**Extracted data:**
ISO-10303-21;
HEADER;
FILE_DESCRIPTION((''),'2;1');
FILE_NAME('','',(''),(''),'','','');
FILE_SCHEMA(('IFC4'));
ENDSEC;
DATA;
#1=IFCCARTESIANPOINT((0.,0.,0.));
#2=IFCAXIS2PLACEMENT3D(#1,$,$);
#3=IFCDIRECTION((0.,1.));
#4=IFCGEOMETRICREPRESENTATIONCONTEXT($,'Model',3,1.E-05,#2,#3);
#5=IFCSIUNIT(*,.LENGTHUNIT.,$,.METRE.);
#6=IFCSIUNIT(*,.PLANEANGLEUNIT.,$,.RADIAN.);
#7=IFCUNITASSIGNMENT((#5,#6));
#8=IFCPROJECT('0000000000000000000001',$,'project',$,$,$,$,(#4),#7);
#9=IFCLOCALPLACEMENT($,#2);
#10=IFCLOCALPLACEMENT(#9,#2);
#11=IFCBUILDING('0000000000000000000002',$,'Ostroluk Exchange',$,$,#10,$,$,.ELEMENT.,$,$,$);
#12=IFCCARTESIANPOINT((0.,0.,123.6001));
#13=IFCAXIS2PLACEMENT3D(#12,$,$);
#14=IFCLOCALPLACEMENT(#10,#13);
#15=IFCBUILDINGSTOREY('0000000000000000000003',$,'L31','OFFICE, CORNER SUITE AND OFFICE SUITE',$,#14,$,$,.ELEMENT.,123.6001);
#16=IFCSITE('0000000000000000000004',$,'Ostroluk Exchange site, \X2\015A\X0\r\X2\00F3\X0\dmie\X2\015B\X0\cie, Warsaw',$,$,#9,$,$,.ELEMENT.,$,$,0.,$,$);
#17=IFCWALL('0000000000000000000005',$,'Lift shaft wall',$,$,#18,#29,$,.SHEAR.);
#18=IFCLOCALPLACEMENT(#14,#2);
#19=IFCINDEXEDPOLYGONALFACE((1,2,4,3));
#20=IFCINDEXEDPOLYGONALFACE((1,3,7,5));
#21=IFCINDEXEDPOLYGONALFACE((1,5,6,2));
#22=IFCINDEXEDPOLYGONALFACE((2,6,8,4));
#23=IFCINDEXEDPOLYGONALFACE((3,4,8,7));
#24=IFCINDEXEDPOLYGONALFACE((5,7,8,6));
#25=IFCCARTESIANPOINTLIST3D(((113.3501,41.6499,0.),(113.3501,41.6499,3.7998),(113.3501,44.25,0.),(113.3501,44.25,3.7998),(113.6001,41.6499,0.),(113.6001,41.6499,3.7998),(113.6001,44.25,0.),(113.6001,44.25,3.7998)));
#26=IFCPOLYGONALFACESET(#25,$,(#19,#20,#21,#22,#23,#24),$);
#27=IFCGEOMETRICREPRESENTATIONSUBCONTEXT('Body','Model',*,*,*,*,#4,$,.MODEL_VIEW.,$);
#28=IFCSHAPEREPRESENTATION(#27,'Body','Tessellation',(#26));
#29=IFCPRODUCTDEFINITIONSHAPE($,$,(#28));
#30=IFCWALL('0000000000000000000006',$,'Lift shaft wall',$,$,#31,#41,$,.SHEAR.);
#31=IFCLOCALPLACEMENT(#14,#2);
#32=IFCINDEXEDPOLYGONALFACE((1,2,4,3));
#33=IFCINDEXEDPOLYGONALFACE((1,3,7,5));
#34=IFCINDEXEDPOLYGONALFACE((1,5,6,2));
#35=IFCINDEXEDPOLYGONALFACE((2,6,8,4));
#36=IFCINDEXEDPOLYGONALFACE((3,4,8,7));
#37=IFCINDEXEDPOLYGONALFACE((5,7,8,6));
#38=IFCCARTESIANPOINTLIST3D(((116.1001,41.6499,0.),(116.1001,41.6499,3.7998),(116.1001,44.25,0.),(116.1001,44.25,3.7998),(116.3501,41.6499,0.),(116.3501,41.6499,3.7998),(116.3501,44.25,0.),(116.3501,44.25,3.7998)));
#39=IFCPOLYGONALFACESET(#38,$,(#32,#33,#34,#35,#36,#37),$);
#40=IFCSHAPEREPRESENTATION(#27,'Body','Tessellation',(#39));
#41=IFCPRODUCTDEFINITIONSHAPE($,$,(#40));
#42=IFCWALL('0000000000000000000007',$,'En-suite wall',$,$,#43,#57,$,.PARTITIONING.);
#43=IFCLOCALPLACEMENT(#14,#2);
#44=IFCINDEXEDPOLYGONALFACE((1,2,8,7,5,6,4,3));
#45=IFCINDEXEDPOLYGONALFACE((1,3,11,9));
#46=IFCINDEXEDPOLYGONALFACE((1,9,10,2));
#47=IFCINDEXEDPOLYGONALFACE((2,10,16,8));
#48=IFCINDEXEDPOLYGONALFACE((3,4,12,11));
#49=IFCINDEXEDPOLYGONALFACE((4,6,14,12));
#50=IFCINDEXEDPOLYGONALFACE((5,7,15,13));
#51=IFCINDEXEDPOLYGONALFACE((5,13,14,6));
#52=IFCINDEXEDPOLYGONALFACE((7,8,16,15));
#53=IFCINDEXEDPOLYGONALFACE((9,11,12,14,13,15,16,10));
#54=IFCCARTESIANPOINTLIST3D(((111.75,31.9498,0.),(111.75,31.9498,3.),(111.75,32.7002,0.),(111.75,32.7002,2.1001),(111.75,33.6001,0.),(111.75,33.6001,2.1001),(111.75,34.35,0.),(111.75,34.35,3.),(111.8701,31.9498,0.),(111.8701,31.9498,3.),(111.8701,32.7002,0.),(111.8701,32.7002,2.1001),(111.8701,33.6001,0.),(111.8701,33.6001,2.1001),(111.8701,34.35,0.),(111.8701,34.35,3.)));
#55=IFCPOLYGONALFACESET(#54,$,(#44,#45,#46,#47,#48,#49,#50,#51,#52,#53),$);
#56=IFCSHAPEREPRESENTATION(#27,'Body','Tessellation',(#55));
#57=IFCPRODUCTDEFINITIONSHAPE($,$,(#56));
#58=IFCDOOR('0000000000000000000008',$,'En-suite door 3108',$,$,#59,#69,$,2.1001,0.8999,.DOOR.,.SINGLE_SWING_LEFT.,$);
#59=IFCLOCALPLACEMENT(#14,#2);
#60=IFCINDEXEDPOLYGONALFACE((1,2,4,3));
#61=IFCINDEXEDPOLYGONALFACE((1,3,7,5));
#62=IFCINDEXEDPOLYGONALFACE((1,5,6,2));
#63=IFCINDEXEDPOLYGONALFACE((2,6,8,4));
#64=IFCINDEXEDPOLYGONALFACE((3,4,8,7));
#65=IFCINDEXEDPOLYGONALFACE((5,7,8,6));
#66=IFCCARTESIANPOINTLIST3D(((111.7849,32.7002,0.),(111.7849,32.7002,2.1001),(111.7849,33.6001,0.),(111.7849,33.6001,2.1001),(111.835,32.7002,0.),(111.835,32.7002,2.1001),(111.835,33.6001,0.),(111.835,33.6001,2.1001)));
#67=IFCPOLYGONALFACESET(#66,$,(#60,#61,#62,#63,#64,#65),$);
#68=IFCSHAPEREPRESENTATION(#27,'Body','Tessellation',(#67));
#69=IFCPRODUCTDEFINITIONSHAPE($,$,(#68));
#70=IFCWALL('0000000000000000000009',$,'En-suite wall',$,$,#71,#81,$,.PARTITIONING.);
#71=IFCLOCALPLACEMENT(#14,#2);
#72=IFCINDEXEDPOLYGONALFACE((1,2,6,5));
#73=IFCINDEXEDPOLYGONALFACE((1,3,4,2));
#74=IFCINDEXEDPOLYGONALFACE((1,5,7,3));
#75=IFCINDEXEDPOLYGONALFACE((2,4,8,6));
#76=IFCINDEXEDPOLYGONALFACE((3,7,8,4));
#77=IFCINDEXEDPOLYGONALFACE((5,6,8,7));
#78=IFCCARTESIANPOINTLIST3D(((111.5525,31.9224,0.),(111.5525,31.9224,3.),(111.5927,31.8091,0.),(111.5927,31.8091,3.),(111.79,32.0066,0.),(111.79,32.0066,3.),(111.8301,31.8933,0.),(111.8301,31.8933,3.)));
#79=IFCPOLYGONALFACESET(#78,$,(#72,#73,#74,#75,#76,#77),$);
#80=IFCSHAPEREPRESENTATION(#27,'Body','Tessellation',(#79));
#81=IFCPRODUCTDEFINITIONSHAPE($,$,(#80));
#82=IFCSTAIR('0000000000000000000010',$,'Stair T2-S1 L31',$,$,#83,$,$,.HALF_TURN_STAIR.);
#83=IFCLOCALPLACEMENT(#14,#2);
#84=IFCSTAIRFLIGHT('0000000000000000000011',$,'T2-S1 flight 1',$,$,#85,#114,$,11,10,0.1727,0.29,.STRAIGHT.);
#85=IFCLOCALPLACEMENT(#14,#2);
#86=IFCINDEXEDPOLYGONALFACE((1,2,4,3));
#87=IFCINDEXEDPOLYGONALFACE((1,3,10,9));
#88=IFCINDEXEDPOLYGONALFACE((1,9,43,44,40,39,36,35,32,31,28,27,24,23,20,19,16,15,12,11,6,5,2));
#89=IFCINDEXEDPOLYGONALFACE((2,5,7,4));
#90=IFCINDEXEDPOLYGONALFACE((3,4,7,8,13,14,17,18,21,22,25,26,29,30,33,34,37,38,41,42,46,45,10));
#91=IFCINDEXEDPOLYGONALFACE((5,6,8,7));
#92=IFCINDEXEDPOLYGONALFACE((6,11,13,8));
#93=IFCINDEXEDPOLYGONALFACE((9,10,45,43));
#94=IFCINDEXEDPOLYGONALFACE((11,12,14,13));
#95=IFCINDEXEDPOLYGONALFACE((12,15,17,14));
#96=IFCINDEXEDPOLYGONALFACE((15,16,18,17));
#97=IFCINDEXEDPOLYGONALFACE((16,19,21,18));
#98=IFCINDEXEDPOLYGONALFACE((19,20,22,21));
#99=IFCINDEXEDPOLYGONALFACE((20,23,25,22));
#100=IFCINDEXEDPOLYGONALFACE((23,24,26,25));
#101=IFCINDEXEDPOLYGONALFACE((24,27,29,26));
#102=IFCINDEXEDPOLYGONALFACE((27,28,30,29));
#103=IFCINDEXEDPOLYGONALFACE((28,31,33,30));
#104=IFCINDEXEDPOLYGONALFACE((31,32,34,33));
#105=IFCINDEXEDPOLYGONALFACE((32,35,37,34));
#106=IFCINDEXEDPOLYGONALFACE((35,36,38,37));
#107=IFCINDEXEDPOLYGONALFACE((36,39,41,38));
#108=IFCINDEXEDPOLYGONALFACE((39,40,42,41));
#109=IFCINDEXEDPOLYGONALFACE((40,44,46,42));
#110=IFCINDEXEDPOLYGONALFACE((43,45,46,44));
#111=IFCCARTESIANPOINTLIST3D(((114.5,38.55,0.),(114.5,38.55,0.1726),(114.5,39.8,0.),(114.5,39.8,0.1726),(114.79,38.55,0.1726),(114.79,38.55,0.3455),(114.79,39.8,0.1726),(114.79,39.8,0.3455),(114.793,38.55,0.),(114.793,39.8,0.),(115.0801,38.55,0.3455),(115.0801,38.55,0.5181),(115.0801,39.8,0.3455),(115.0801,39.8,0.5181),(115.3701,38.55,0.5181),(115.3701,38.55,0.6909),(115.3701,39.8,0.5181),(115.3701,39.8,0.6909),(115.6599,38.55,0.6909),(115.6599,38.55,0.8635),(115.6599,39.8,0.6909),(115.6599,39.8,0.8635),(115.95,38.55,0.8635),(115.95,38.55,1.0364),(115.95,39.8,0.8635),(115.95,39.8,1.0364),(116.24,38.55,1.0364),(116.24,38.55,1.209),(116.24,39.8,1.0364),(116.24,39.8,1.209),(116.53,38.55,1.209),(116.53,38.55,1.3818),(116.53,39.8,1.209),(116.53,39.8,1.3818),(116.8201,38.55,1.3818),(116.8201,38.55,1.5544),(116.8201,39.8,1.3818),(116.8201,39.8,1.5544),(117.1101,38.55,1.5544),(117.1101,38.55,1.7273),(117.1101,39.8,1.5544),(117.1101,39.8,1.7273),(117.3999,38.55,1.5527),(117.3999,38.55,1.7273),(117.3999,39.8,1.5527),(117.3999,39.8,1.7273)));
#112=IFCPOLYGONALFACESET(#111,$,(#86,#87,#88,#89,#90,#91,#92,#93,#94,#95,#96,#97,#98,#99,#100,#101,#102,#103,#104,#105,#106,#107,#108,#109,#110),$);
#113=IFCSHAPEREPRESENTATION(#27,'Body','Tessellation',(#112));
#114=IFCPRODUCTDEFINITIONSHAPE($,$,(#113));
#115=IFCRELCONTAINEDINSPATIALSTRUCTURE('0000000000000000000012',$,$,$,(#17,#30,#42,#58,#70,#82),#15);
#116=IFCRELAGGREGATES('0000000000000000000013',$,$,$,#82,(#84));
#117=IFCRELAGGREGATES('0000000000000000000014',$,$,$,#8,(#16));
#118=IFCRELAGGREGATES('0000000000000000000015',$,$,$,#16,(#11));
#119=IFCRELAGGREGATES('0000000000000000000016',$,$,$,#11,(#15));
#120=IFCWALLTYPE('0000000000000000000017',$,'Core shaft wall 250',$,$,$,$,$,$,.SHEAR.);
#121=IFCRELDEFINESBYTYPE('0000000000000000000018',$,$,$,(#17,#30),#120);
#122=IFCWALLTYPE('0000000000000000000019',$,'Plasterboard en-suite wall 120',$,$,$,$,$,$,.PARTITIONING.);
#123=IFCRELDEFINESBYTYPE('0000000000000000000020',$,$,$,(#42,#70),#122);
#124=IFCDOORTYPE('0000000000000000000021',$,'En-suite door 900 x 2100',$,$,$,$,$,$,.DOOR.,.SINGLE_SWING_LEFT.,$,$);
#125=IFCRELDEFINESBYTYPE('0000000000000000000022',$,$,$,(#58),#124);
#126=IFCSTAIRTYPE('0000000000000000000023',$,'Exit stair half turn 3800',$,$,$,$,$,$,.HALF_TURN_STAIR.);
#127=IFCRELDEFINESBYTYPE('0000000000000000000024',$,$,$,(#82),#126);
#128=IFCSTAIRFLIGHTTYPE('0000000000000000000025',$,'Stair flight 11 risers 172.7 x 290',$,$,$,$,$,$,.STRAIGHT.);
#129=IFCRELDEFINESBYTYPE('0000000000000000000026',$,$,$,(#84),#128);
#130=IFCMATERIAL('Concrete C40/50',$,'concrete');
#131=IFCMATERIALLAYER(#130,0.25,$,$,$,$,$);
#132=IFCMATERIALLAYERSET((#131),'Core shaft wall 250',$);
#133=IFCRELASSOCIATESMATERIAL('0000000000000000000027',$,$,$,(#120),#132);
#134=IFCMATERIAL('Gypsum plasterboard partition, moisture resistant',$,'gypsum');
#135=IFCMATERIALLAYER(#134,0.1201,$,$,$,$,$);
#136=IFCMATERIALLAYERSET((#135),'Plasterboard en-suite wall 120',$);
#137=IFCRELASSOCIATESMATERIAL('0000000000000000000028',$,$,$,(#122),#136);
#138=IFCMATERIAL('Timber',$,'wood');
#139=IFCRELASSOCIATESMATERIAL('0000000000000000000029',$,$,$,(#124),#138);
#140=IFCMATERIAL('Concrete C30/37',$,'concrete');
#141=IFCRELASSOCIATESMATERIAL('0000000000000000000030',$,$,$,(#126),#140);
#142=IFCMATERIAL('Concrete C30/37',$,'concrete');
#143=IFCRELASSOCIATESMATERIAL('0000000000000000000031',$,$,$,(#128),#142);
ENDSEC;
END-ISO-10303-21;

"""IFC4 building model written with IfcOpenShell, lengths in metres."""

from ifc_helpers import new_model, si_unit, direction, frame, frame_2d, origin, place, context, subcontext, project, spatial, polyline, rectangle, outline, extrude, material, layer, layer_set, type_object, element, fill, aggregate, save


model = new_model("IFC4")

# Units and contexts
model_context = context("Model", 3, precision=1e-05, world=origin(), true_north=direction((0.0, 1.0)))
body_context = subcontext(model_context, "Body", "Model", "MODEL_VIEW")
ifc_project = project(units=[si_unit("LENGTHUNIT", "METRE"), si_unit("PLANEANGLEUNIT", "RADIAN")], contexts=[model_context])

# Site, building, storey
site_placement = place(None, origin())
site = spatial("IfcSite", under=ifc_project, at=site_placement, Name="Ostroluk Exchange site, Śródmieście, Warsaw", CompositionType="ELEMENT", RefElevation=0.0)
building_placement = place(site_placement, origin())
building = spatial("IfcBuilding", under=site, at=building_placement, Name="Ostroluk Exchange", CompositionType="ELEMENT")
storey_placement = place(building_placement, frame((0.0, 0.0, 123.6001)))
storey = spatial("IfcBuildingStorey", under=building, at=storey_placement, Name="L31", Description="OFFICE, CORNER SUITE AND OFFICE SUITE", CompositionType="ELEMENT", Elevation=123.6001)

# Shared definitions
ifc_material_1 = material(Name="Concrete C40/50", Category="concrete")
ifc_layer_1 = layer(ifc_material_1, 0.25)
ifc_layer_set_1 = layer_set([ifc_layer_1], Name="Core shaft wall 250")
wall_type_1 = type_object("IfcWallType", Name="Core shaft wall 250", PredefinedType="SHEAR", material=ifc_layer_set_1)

**What is being asked:** Look through the material above. Copy each line where the word "IFCRELDEFINESBYTYPE" appears.

**Output of the task:**
#121=IFCRELDEFINESBYTYPE('0000000000000000000018',$,$,$,(#17,#30),#120);
#123=IFCRELDEFINESBYTYPE('0000000000000000000020',$,$,$,(#42,#70),#122);
#125=IFCRELDEFINESBYTYPE('0000000000000000000022',$,$,$,(#58),#124);
#127=IFCRELDEFINESBYTYPE('0000000000000000000024',$,$,$,(#82),#126);
#129=IFCRELDEFINESBYTYPE('0000000000000000000026',$,$,$,(#84),#128);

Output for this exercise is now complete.